# [Instructions for the task]
Scan the data for "IFCINDEXEDPOLYGONALFACEWITHVOIDS" and copy the lines it appears in.

[Records shown Boundary: Start]

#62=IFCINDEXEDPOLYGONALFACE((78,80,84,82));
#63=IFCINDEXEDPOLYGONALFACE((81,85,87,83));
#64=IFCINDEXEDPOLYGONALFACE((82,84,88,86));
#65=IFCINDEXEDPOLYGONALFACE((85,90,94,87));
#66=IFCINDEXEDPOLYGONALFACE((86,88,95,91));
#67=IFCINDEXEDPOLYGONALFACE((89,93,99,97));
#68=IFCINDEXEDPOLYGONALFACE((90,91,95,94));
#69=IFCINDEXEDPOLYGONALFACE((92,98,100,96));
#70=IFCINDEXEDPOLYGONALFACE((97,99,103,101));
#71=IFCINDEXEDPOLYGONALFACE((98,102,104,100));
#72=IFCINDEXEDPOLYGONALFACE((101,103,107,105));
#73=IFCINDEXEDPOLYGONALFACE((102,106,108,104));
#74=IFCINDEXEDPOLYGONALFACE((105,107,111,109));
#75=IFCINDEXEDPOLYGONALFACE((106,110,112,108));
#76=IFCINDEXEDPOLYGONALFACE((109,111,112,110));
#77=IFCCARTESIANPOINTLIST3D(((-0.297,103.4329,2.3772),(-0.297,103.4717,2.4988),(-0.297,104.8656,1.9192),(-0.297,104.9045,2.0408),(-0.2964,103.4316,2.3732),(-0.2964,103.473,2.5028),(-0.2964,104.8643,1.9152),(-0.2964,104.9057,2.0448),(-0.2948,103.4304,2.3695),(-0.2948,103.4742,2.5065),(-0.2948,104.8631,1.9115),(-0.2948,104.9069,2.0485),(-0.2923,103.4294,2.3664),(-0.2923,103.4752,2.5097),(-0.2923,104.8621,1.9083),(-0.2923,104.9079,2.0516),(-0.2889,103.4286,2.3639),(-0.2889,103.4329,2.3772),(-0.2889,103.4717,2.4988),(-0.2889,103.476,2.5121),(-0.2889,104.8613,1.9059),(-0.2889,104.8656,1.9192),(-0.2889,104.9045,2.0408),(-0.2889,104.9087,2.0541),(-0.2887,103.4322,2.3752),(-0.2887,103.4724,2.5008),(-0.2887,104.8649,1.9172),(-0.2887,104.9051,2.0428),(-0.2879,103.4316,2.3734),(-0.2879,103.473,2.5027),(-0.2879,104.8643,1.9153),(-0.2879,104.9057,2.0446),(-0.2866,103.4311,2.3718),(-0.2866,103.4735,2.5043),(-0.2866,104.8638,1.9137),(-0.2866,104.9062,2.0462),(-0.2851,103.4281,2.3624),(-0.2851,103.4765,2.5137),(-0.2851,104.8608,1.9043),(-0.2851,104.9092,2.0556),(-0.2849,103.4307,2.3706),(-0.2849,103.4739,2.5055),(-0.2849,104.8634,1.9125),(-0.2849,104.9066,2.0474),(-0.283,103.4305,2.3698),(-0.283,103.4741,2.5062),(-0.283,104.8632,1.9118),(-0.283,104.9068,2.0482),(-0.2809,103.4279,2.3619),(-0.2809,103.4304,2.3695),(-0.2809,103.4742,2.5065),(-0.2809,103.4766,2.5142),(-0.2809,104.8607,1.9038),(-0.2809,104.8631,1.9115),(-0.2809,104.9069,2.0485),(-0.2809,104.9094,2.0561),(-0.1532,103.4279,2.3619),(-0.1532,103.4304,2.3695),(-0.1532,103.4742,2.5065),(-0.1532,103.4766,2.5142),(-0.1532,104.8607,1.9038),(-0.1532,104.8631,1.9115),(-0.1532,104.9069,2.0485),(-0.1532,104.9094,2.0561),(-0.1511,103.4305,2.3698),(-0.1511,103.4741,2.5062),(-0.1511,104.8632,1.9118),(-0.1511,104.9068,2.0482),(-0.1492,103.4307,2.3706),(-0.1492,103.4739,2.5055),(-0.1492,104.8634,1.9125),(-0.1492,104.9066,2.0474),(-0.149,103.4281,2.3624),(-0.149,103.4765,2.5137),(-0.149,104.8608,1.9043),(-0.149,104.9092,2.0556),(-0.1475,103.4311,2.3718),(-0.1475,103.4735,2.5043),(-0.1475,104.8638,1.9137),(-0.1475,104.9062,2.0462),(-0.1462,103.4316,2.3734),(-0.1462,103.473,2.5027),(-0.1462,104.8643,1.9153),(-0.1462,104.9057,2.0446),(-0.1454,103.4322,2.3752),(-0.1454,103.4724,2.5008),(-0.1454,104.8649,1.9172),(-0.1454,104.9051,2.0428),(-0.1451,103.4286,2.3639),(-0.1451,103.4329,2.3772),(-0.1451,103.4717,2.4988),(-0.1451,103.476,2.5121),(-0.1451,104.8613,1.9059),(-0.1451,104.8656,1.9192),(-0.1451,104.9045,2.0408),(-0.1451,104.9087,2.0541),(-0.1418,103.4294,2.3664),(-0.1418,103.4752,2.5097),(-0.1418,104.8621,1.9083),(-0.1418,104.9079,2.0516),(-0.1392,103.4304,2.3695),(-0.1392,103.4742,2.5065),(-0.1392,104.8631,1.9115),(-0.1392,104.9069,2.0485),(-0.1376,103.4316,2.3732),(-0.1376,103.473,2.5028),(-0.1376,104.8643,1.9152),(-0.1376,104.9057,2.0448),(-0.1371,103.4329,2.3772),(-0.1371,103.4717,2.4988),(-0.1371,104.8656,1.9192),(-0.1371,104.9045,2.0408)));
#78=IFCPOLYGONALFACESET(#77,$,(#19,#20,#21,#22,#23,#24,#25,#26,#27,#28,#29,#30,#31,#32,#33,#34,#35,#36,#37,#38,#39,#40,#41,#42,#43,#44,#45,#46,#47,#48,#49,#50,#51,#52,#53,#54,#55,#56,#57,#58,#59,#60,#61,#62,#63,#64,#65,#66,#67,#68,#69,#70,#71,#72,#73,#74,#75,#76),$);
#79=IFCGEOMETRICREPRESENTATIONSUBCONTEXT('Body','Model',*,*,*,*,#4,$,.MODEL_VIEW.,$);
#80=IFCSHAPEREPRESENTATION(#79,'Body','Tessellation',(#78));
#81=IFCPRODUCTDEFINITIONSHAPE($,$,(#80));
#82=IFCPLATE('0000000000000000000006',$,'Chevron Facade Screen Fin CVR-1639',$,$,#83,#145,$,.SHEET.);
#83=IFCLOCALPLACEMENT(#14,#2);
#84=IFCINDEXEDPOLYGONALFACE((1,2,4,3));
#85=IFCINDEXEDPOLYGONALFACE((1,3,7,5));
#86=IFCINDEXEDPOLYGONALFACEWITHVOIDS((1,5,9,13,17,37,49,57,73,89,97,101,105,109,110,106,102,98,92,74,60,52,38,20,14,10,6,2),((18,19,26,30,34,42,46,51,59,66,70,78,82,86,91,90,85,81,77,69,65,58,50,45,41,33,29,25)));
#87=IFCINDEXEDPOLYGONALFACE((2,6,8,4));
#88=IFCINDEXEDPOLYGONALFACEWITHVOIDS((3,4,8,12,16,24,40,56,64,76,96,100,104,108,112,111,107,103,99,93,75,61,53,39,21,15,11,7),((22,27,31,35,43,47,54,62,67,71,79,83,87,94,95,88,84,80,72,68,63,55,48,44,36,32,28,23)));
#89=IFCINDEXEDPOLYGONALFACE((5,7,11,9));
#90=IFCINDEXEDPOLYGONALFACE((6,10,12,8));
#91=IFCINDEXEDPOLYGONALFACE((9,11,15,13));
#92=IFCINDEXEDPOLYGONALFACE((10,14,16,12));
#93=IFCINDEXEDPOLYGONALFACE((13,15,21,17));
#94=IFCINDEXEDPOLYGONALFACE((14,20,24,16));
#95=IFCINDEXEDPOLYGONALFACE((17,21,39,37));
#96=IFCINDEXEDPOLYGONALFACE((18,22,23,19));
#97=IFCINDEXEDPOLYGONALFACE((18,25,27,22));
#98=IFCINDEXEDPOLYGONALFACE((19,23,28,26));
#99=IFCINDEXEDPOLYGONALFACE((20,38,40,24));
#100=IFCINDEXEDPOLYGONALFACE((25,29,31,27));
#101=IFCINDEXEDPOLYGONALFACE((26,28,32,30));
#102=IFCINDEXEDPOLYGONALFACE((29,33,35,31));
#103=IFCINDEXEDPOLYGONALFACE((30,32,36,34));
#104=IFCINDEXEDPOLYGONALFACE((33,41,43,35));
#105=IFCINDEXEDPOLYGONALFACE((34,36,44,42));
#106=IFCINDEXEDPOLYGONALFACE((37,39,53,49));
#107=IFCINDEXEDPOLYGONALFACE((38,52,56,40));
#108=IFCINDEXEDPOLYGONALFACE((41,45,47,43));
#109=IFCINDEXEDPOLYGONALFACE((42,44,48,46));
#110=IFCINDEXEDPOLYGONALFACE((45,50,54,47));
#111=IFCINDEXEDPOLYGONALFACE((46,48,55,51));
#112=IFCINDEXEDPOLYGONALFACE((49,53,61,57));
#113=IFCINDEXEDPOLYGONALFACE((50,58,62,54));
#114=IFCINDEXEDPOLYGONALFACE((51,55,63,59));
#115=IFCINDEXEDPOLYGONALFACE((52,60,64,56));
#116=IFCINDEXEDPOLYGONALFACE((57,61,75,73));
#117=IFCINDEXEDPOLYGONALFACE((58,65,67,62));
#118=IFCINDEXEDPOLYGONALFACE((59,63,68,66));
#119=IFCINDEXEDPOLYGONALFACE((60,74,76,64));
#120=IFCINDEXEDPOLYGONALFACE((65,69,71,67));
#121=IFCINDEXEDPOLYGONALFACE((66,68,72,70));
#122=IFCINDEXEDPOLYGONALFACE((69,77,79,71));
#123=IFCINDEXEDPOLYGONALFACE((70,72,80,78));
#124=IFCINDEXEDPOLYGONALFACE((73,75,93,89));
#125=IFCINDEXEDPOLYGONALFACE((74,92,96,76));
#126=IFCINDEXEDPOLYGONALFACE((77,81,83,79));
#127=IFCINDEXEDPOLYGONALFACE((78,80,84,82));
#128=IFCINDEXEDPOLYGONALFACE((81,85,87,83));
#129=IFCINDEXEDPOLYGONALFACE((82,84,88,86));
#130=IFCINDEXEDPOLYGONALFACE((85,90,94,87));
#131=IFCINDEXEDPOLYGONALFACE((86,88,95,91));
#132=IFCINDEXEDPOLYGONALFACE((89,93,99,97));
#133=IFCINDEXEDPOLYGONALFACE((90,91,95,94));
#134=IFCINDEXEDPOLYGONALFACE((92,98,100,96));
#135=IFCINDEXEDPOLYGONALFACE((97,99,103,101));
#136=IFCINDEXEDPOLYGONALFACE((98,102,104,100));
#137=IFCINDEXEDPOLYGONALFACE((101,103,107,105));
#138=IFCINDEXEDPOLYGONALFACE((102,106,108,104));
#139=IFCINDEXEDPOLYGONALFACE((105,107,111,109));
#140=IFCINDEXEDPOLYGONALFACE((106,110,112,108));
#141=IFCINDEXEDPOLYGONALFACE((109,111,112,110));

[Records shown Boundary: End]

# [Task response]
#86=IFCINDEXEDPOLYGONALFACEWITHVOIDS((1,5,9,13,17,37,49,57,73,89,97,101,105,109,110,106,102,98,92,74,60,52,38,20,14,10,6,2),((18,19,26,30,34,42,46,51,59,66,70,78,82,86,91,90,85,81,77,69,65,58,50,45,41,33,29,25)));
#88=IFCINDEXEDPOLYGONALFACEWITHVOIDS((3,4,8,12,16,24,40,56,64,76,96,100,104,108,112,111,107,103,99,93,75,61,53,39,21,15,11,7),((22,27,31,35,43,47,54,62,67,71,79,83,87,94,95,88,84,80,72,68,63,55,48,44,36,32,28,23)));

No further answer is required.